#### Records for the task ####
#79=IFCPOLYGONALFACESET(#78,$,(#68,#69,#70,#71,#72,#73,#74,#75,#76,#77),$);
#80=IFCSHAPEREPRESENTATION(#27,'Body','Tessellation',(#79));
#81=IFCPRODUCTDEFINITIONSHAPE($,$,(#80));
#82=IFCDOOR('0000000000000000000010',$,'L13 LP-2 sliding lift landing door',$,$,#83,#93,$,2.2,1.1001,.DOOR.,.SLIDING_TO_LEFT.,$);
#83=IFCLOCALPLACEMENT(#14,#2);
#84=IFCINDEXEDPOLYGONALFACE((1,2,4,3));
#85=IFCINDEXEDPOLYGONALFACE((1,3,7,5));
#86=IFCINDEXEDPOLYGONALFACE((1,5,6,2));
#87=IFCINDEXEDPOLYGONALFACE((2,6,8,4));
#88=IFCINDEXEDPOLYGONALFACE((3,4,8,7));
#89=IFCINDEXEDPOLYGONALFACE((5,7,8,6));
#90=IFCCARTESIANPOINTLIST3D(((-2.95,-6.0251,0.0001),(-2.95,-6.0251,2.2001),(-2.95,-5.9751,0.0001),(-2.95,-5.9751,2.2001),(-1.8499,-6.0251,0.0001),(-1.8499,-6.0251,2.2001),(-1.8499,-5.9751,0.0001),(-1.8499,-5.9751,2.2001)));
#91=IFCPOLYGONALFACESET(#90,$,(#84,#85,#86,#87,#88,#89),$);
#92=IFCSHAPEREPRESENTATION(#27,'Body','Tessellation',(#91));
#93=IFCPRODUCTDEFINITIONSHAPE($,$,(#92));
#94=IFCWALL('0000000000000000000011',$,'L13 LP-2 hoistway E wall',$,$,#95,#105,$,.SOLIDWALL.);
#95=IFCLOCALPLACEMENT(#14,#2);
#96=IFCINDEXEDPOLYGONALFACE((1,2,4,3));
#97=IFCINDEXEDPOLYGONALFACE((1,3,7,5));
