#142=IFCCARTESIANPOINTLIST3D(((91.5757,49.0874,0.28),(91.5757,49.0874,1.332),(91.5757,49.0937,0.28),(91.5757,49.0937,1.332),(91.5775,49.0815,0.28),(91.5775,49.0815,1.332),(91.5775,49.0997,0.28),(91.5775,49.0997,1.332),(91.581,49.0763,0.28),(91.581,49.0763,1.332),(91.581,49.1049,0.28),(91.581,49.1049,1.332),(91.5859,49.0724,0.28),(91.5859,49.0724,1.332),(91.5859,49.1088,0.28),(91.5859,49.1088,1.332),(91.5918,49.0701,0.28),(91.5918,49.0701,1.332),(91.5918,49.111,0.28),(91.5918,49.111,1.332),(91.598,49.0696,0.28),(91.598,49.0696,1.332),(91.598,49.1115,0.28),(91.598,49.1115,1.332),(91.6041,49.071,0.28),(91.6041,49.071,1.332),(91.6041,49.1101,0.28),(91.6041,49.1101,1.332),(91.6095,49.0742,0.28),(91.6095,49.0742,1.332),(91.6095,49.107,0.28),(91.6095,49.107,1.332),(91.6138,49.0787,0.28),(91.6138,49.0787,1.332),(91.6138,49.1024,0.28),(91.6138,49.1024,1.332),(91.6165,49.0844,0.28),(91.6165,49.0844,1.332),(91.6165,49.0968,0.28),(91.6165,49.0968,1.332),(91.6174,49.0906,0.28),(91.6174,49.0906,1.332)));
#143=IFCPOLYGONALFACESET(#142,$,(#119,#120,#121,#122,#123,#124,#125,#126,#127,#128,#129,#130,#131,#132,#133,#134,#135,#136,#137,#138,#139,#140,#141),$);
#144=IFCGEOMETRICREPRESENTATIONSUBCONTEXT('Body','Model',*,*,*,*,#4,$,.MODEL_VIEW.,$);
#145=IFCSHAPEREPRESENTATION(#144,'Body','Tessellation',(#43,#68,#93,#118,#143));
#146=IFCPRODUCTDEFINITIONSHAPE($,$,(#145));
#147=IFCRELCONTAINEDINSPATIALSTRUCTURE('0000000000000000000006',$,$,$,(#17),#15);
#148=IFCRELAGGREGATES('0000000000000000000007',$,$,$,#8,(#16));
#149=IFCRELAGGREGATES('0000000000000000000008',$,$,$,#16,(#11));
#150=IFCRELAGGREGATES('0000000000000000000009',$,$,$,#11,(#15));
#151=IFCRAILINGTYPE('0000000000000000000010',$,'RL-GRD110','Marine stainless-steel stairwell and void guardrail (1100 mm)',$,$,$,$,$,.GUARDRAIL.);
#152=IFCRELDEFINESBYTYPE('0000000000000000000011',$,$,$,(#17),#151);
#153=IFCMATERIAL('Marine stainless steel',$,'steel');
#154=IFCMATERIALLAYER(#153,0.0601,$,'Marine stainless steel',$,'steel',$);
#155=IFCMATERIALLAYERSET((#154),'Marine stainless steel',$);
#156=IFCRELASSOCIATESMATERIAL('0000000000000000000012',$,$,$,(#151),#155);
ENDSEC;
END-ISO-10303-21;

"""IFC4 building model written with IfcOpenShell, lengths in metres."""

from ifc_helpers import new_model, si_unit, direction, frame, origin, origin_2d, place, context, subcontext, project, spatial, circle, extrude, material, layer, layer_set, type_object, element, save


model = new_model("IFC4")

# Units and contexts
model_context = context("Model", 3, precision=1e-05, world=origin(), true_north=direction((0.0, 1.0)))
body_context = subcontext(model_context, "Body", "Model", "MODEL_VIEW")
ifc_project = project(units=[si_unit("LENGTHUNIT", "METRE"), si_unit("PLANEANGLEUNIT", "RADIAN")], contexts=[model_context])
####
#### Records for the task ####
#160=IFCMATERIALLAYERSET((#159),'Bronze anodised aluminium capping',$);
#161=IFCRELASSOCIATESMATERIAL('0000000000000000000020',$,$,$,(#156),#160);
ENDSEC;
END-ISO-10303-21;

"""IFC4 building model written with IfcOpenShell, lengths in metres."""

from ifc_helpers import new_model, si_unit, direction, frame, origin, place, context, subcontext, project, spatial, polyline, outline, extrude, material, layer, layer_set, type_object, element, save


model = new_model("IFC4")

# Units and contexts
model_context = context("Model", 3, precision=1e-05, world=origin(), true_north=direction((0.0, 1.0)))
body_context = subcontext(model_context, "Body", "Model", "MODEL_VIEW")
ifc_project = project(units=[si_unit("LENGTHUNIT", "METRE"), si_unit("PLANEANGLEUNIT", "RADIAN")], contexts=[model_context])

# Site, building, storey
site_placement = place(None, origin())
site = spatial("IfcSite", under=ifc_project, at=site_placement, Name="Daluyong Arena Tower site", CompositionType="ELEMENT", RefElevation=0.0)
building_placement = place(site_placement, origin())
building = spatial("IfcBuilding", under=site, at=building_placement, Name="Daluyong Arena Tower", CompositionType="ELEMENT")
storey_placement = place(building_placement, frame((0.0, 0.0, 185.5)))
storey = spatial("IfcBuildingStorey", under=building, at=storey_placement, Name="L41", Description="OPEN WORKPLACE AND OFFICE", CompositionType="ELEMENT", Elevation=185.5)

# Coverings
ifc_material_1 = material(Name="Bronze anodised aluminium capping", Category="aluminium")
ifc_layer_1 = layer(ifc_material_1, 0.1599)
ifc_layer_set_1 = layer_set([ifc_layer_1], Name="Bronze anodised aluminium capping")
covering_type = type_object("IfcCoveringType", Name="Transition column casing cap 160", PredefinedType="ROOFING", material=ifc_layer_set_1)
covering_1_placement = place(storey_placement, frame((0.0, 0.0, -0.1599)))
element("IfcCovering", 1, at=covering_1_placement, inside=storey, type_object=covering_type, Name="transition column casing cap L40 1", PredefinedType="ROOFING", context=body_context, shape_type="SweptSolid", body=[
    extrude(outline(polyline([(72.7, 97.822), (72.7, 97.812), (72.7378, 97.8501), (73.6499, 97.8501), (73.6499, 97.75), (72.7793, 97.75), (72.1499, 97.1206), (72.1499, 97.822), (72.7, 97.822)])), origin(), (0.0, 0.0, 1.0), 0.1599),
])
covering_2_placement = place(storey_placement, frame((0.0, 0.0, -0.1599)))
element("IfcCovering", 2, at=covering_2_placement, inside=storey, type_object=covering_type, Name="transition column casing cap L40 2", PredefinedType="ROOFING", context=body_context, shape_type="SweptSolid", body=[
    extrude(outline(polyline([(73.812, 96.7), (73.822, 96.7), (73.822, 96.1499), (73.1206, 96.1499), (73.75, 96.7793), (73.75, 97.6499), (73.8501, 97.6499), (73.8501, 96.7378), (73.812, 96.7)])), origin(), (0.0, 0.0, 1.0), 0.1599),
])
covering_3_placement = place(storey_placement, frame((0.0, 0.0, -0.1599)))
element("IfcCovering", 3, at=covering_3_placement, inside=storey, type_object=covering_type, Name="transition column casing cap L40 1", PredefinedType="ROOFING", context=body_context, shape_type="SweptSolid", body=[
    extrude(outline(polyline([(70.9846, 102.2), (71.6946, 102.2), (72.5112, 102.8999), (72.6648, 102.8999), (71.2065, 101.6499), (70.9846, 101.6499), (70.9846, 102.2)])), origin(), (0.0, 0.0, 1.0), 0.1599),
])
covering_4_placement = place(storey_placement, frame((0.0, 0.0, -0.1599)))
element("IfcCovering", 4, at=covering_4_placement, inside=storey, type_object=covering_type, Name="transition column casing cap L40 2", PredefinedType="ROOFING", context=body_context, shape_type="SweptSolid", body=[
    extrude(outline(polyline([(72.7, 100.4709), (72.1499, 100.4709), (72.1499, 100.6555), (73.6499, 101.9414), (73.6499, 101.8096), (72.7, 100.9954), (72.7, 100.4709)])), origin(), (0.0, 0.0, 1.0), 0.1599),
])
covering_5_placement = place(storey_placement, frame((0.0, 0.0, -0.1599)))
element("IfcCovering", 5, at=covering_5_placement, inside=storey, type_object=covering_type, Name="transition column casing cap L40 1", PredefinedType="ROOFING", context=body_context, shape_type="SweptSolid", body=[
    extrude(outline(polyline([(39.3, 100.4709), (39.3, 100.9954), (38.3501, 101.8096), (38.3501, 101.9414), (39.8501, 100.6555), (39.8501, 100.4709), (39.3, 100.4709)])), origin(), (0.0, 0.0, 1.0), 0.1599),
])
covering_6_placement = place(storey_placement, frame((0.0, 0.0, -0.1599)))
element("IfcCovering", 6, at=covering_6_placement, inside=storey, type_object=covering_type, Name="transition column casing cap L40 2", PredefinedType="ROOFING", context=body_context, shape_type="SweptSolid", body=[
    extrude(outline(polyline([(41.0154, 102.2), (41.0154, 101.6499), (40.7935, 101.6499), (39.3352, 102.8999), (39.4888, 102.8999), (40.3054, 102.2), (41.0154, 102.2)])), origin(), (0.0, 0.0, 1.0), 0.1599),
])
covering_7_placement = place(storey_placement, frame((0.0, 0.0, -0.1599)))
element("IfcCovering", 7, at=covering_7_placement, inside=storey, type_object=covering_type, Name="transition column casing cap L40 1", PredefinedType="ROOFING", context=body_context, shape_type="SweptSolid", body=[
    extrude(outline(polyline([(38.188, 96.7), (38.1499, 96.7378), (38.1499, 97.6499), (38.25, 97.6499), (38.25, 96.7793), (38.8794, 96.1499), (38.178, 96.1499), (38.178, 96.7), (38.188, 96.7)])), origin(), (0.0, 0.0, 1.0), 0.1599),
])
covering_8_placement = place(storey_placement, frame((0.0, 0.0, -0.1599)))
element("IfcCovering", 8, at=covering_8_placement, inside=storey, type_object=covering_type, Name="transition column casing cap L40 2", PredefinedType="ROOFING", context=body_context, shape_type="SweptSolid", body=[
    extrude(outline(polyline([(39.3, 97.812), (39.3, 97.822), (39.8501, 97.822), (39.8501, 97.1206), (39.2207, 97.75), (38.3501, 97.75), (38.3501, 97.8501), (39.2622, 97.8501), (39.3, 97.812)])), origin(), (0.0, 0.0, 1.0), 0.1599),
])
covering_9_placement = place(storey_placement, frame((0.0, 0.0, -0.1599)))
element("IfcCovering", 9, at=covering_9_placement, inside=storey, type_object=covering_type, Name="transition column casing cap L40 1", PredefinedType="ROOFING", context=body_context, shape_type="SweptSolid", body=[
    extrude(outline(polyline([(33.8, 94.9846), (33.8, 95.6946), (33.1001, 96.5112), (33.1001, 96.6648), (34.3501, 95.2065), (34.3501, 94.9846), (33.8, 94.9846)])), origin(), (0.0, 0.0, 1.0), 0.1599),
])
####
— What is expected —
Pick every line from the listing holding the string "Arena", and copy it.

— Result —
site = spatial("IfcSite", under=ifc_project, at=site_placement, Name="Daluyong Arena Tower site", CompositionType="ELEMENT", RefElevation=0.0)
building = spatial("IfcBuilding", under=site, at=building_placement, Name="Daluyong Arena Tower", CompositionType="ELEMENT")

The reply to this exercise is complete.